* **Work task**
Make a word-for-word copy of the entries below from their first line through the line with "#171=IFCINDEXEDPOLYGONALFACE((1,7,15,9));", and add nothing.

* **Stored data**
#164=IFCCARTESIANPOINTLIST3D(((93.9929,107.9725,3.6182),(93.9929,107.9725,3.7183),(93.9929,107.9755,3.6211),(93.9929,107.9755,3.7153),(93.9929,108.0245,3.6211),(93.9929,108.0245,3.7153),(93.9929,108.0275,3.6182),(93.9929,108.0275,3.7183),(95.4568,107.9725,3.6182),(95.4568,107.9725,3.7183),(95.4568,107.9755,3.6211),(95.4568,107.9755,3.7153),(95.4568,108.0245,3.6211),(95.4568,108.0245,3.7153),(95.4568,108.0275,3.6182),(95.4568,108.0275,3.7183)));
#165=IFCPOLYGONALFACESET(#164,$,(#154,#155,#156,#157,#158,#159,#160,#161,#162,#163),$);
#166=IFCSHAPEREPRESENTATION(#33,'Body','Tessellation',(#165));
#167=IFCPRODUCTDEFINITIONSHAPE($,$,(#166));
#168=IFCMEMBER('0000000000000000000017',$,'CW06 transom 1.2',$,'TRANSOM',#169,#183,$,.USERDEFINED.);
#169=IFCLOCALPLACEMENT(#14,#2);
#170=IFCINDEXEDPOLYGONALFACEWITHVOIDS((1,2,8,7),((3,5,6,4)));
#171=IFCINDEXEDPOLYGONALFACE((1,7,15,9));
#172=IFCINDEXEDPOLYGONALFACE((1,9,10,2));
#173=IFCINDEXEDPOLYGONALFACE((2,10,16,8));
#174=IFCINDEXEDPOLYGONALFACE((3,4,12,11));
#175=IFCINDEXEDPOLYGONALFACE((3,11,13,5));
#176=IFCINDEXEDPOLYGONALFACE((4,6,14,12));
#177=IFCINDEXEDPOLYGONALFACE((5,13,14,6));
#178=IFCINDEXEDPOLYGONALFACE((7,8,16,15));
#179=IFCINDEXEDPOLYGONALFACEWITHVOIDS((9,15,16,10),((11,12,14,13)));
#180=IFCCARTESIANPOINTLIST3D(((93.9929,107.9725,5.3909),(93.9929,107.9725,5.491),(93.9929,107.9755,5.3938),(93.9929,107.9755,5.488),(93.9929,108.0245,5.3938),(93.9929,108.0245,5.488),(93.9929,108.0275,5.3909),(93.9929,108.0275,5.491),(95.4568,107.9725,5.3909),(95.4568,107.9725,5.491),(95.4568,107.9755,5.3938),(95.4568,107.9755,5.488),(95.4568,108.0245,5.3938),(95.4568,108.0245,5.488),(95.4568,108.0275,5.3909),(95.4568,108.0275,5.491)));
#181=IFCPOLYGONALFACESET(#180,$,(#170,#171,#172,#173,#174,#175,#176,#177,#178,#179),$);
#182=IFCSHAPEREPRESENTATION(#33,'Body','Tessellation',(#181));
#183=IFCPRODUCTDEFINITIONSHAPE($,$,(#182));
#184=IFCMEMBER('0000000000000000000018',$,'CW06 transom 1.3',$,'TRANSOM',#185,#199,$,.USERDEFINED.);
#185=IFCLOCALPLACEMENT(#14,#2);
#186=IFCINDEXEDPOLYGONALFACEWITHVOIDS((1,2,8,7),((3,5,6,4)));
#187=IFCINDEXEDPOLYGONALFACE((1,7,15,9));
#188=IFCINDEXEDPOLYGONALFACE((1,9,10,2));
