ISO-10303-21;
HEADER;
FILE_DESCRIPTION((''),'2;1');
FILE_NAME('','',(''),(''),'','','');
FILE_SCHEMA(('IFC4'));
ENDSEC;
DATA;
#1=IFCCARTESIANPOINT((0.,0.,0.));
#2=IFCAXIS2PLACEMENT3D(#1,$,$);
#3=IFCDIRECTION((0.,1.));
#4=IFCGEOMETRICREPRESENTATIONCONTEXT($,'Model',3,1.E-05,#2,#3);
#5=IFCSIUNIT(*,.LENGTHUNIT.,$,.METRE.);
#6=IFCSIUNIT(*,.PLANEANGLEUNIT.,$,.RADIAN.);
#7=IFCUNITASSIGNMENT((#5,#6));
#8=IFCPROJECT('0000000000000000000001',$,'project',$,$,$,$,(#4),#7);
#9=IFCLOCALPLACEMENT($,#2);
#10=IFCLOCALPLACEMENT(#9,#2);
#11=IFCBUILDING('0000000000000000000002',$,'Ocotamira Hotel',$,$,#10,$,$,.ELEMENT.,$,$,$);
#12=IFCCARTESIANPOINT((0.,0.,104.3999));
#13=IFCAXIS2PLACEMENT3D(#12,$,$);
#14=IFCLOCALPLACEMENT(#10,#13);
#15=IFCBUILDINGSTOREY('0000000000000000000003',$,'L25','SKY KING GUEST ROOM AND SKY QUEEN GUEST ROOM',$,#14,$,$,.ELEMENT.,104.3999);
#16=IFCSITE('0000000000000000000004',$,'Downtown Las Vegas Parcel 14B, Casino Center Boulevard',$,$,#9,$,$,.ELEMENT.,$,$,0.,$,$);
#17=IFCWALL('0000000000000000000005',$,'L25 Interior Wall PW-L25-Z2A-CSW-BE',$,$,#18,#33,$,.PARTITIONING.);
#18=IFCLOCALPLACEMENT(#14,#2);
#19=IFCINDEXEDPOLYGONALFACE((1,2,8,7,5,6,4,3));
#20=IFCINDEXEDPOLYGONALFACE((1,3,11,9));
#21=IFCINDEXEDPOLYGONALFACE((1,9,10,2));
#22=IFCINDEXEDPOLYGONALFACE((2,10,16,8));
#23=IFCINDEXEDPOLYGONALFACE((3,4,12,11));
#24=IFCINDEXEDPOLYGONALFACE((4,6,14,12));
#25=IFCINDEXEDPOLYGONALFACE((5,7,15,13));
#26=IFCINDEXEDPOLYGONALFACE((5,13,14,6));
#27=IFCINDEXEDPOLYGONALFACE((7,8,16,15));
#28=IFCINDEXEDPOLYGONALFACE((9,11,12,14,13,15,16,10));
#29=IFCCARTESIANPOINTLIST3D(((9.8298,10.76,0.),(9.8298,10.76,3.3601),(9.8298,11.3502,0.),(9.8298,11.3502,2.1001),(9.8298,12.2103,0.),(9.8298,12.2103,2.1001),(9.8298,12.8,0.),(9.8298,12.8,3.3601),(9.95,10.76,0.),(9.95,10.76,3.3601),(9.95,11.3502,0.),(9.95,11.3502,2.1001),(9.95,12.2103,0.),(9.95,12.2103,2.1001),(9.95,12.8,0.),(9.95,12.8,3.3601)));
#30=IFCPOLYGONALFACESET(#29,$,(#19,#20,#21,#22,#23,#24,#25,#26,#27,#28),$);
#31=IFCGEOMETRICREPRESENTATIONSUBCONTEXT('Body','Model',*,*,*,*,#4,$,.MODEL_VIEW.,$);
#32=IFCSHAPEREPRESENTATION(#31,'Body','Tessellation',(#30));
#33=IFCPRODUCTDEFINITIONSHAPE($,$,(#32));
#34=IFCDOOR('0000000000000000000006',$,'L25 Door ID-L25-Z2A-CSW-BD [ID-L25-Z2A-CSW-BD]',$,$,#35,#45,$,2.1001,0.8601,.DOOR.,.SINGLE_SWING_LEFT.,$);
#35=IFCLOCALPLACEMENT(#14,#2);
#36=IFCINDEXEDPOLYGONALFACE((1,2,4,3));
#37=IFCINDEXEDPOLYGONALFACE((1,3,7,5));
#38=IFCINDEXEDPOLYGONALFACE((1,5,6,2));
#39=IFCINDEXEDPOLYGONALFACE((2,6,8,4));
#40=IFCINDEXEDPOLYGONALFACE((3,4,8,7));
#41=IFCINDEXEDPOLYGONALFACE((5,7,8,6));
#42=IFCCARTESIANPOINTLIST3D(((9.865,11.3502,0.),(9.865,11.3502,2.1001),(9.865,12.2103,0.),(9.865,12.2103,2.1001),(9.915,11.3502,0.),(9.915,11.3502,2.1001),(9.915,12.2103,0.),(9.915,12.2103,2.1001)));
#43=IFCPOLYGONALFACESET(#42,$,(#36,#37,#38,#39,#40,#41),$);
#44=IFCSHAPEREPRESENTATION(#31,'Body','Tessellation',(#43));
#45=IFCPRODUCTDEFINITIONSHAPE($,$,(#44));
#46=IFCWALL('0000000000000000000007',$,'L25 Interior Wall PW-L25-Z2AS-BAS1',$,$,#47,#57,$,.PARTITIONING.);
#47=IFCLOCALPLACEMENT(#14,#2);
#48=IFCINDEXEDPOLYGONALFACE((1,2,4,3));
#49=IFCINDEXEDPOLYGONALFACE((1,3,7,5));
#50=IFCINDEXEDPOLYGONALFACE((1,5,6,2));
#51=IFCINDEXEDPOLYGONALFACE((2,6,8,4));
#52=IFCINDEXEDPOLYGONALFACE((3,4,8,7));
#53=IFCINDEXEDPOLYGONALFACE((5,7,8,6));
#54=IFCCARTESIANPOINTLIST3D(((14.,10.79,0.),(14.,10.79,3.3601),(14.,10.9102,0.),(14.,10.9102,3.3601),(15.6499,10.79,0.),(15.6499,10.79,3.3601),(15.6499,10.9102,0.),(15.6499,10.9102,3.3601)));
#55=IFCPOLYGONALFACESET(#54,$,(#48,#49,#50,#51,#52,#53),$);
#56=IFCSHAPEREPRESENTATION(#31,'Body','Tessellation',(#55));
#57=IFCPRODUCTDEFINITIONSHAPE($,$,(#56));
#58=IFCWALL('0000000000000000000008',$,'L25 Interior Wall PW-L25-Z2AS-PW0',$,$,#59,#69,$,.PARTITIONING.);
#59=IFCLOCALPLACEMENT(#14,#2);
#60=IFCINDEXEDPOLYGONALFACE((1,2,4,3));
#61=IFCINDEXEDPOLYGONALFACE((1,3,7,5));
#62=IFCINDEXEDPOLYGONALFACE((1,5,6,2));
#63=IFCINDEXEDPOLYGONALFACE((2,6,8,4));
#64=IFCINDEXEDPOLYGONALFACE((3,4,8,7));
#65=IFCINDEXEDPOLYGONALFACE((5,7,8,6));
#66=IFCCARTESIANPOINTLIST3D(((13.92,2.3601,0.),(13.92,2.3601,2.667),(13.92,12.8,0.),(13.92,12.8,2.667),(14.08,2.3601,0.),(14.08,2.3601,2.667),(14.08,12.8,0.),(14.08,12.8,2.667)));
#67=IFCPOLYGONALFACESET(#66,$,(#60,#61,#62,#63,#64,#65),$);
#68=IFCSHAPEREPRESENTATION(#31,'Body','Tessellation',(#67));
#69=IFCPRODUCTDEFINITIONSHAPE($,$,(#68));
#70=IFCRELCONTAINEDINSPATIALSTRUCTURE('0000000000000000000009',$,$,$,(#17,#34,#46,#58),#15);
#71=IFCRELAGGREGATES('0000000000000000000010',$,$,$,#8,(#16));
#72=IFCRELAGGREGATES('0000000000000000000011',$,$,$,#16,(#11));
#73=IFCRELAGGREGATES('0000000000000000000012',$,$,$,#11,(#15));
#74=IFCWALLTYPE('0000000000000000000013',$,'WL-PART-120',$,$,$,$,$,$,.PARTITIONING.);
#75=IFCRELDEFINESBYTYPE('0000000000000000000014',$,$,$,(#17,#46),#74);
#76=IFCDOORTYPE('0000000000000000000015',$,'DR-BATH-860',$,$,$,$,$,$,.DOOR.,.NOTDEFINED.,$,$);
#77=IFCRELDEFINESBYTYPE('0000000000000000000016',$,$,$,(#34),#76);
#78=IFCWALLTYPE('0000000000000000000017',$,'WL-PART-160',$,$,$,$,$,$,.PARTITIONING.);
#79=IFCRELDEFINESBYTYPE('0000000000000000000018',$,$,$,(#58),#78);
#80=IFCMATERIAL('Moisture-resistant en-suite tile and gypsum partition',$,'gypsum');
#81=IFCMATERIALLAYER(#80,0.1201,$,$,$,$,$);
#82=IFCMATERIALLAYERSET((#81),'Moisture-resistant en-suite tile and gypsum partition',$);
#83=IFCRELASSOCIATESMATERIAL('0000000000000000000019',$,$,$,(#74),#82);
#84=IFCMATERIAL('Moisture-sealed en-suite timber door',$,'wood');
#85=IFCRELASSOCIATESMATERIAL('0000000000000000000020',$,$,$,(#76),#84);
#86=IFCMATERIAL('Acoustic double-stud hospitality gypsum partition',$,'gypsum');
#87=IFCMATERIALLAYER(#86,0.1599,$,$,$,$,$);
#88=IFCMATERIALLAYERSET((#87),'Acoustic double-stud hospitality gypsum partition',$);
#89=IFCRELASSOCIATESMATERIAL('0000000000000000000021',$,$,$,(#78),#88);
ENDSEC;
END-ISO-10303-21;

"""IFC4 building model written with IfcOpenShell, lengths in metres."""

from ifc_helpers import new_model, si_unit, direction, frame, frame_2d, origin, place, context, subcontext, project, spatial, rectangle, extrude, source, transform, mapped, material, layer, layer_set, type_object, element, fill, save


model = new_model("IFC4")

# Units and contexts
model_context = context("Model", 3, precision=1e-05, world=origin(), true_north=direction((0.0, 1.0)))
body_context = subcontext(model_context, "Body", "Model", "MODEL_VIEW")
ifc_project = project(units=[si_unit("LENGTHUNIT", "METRE"), si_unit("PLANEANGLEUNIT", "RADIAN")], contexts=[model_context])

# Site, building, storey
site_placement = place(None, origin())
site = spatial("IfcSite", under=ifc_project, at=site_placement, Name="Downtown Las Vegas Parcel 14B, Casino Center Boulevard", CompositionType="ELEMENT", RefElevation=0.0)
building_placement = place(site_placement, origin())
building = spatial("IfcBuilding", under=site, at=building_placement, Name="Ocotamira Hotel", CompositionType="ELEMENT")
storey_placement = place(building_placement, frame((0.0, 0.0, 104.3999)))
storey = spatial("IfcBuildingStorey", under=building, at=storey_placement, Name="L25", Description="SKY KING GUEST ROOM AND SKY QUEEN GUEST ROOM", CompositionType="ELEMENT", Elevation=104.3999)

# Wall, opening, door
ifc_material_1 = material(Name="Moisture-resistant en-suite tile and gypsum partition", Category="gypsum")
ifc_layer_1 = layer(ifc_material_1, 0.1201)
ifc_layer_set_1 = layer_set([ifc_layer_1], Name="Moisture-resistant en-suite tile and gypsum partition")
wall_type_1 = type_object("IfcWallType", Name="WL-PART-120", PredefinedType="PARTITIONING", material=ifc_layer_set_1)
wall_1_placement = place(storey_placement, frame((9.8899, 10.76, 0.0), z_axis=(0.0, 0.0, 1.0), x_axis=(0.0, 1.0, 0.0)))
wall_1 = element("IfcWall", 1, at=wall_1_placement, inside=storey, type_object=wall_type_1, Name="L25 Interior Wall PW-L25-Z2A-CSW-BE", PredefinedType="PARTITIONING", context=body_context, shape_type="SweptSolid", body=[
    extrude(rectangle(XDim=2.04, YDim=0.1201, at=frame_2d((1.02, 0.0))), origin(), (0.0, 0.0, 1.0), 3.3601),
])
opening_1_placement = place(wall_1_placement, frame((0.5901, 0.0, 0.0)))
opening_1 = element("IfcOpeningElement", 2, at=opening_1_placement, cuts=wall_1, PredefinedType="OPENING", context=body_context, shape_type="SweptSolid", body=[
    extrude(rectangle(XDim=0.8601, YDim=2.1001, at=frame_2d((0.4302, 1.05))), frame((0.0, 0.0701, 0.0), z_axis=(0.0, -1.0, 0.0), x_axis=(1.0, 0.0, 0.0)), (0.0, 0.0, 1.0), 0.1401),
])
ifc_material_2 = material(Name="Moisture-sealed en-suite timber door", Category="wood")
door_type_1 = type_object("IfcDoorType", Name="DR-BATH-860", OperationType="NOTDEFINED", PredefinedType="DOOR", material=ifc_material_2)
shared_shape_1 = source(origin(), body_context, "Body", "SweptSolid", [
    extrude(rectangle(XDim=0.8601, YDim=2.1001, at=frame_2d((0.4302, 1.05))), frame((0.0, 0.0249, 0.0), z_axis=(0.0, -1.0, 0.0), x_axis=(1.0, 0.0, 0.0)), (0.0, 0.0, 1.0), 0.05),
])
door_1_placement = place(opening_1_placement, origin())
door_1 = element("IfcDoor", 3, at=door_1_placement, inside=storey, type_object=door_type_1, Name="L25 Door ID-L25-Z2A-CSW-BD [ID-L25-Z2A-CSW-BD]", OperationType="SINGLE_SWING_LEFT", OverallHeight=2.1001, OverallWidth=0.8601, PredefinedType="DOOR", context=body_context, shape_type="MappedRepresentation", body=[
    mapped(shared_shape_1, transform((0.0, 0.0, 0.0), scale=1.0)),
])
fill(opening_1, door_1)

# Walls
wall_2_placement = place(storey_placement, frame((14.0, 10.8501, 0.0), z_axis=(0.0, 0.0, 1.0), x_axis=(1.0, 0.0, 0.0)))
element("IfcWall", 4, at=wall_2_placement, inside=storey, type_object=wall_type_1, Name="L25 Interior Wall PW-L25-Z2AS-BAS1", PredefinedType="PARTITIONING", context=body_context, shape_type="SweptSolid", body=[
    extrude(rectangle(XDim=1.6499, YDim=0.1201, at=frame_2d((0.825, 0.0))), origin(), (0.0, 0.0, 1.0), 3.3601),
])
ifc_material_3 = material(Name="Acoustic double-stud hospitality gypsum partition", Category="gypsum")
ifc_layer_2 = layer(ifc_material_3, 0.1599)
ifc_layer_set_2 = layer_set([ifc_layer_2], Name="Acoustic double-stud hospitality gypsum partition")
wall_type_2 = type_object("IfcWallType", Name="WL-PART-160", PredefinedType="PARTITIONING", material=ifc_layer_set_2)
wall_3_placement = place(storey_placement, frame((14.0, 2.3601, 0.0), z_axis=(0.0, 0.0, 1.0), x_axis=(0.0, 1.0, 0.0)))
element("IfcWall", 5, at=wall_3_placement, inside=storey, type_object=wall_type_2, Name="L25 Interior Wall PW-L25-Z2AS-PW0", PredefinedType="PARTITIONING", context=body_context, shape_type="SweptSolid", body=[
    extrude(rectangle(XDim=10.4399, YDim=0.1599, at=frame_2d((5.22, 0.0))), origin(), (0.0, 0.0, 1.0), 2.667),
])

save(model, "model.ifc")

* **Response to this exercise**
#164=IFCCARTESIANPOINTLIST3D(((93.9929,107.9725,3.6182),(93.9929,107.9725,3.7183),(93.9929,107.9755,3.6211),(93.9929,107.9755,3.7153),(93.9929,108.0245,3.6211),(93.9929,108.0245,3.7153),(93.9929,108.0275,3.6182),(93.9929,108.0275,3.7183),(95.4568,107.9725,3.6182),(95.4568,107.9725,3.7183),(95.4568,107.9755,3.6211),(95.4568,107.9755,3.7153),(95.4568,108.0245,3.6211),(95.4568,108.0245,3.7153),(95.4568,108.0275,3.6182),(95.4568,108.0275,3.7183)));
#165=IFCPOLYGONALFACESET(#164,$,(#154,#155,#156,#157,#158,#159,#160,#161,#162,#163),$);
#166=IFCSHAPEREPRESENTATION(#33,'Body','Tessellation',(#165));
#167=IFCPRODUCTDEFINITIONSHAPE($,$,(#166));
#168=IFCMEMBER('0000000000000000000017',$,'CW06 transom 1.2',$,'TRANSOM',#169,#183,$,.USERDEFINED.);
#169=IFCLOCALPLACEMENT(#14,#2);
#170=IFCINDEXEDPOLYGONALFACEWITHVOIDS((1,2,8,7),((3,5,6,4)));
#171=IFCINDEXEDPOLYGONALFACE((1,7,15,9));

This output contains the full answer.